══ Input for this task

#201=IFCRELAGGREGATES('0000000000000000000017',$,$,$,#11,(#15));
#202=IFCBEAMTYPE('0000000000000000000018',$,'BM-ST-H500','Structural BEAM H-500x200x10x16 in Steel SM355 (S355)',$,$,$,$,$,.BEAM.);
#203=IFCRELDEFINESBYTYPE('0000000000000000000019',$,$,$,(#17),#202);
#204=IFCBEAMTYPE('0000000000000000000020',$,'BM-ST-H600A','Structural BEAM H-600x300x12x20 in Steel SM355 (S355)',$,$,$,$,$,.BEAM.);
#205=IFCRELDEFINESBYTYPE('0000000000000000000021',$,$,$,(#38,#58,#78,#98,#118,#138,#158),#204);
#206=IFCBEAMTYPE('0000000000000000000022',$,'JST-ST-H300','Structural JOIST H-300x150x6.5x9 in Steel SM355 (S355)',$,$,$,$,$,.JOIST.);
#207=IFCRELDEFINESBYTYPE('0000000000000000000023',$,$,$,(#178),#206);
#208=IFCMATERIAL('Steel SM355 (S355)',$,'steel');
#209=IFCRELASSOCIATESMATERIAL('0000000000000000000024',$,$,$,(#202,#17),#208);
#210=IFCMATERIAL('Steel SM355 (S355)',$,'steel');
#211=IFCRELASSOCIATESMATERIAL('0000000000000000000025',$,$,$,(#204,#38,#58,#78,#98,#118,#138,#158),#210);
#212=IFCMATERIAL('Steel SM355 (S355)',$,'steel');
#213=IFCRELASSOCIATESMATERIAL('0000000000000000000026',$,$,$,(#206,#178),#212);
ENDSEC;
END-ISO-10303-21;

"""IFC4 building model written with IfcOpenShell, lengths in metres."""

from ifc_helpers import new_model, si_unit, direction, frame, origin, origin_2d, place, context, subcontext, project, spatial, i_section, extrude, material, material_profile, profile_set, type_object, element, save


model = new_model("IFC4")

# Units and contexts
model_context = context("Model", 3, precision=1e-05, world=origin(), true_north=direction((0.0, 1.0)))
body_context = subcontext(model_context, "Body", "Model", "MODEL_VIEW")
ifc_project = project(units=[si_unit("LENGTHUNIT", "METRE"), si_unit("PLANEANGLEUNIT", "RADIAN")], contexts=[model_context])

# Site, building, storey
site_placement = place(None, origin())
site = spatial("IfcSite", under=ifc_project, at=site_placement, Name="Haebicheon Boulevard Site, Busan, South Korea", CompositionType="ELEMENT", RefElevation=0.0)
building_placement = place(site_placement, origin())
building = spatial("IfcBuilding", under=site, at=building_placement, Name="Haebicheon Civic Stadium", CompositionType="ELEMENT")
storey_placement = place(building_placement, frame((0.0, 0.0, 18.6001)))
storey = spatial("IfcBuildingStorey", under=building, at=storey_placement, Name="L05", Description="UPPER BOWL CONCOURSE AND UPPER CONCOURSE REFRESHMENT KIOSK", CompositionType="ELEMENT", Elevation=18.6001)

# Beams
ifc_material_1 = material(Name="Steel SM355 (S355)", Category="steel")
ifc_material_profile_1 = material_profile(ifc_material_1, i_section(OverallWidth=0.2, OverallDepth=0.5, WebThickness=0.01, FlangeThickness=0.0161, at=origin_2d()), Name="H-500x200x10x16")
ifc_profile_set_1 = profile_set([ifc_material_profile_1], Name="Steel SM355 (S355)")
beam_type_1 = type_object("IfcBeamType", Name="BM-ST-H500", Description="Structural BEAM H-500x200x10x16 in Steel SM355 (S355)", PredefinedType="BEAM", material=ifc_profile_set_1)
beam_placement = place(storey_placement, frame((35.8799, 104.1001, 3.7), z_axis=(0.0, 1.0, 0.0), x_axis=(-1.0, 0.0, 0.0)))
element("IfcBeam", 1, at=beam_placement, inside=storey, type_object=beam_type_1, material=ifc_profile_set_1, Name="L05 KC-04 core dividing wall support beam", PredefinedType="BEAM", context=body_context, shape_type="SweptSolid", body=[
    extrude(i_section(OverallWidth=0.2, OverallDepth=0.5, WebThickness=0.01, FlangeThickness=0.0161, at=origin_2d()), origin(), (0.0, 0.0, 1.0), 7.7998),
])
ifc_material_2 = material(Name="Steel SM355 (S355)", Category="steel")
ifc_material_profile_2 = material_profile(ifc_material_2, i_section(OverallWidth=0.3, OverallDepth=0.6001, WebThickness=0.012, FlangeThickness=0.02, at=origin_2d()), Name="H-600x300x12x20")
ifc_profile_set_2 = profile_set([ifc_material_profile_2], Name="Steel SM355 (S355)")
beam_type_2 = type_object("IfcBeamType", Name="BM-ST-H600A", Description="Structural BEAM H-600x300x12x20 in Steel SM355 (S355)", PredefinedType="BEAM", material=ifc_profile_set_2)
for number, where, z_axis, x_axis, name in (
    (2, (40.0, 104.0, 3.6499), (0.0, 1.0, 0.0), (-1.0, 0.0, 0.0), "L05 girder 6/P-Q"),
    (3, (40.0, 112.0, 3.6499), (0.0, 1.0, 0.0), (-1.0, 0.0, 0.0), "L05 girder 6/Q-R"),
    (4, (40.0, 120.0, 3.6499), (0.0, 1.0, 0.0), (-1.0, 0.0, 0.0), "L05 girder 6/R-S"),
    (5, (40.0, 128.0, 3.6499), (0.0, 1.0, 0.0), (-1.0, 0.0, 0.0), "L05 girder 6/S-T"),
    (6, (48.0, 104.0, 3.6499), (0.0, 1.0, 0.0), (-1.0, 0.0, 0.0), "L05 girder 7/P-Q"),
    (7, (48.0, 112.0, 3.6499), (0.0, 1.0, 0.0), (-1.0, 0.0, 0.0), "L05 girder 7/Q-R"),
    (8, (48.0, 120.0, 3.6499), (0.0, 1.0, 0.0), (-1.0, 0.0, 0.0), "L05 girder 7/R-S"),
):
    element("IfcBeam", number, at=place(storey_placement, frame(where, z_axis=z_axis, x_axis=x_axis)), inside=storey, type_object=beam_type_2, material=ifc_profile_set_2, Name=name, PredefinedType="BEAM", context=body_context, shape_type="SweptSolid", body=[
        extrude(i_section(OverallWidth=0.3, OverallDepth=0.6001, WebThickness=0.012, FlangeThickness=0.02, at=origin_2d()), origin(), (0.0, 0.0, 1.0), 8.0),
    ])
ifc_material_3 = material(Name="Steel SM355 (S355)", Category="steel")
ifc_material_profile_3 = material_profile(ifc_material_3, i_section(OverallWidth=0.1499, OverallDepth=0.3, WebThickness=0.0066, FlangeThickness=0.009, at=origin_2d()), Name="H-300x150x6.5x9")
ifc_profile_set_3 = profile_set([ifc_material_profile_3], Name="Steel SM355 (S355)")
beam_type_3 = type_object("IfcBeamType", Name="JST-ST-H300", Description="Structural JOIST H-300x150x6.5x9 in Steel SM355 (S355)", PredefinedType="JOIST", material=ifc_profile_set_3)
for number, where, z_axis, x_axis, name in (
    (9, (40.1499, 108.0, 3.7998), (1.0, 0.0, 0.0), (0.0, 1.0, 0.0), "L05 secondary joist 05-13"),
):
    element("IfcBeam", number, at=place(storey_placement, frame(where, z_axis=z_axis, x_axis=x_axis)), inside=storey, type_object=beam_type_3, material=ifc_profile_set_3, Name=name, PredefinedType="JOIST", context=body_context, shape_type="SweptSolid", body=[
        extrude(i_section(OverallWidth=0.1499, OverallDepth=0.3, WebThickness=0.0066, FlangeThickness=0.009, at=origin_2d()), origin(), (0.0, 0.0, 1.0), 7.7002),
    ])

════

■ **Required action**:
For the string "Haebicheon", show each line of the entries above where it occurs.

■ **Response to the task**:
site = spatial("IfcSite", under=ifc_project, at=site_placement, Name="Haebicheon Boulevard Site, Busan, South Korea", CompositionType="ELEMENT", RefElevation=0.0)
building = spatial("IfcBuilding", under=site, at=building_placement, Name="Haebicheon Civic Stadium", CompositionType="ELEMENT")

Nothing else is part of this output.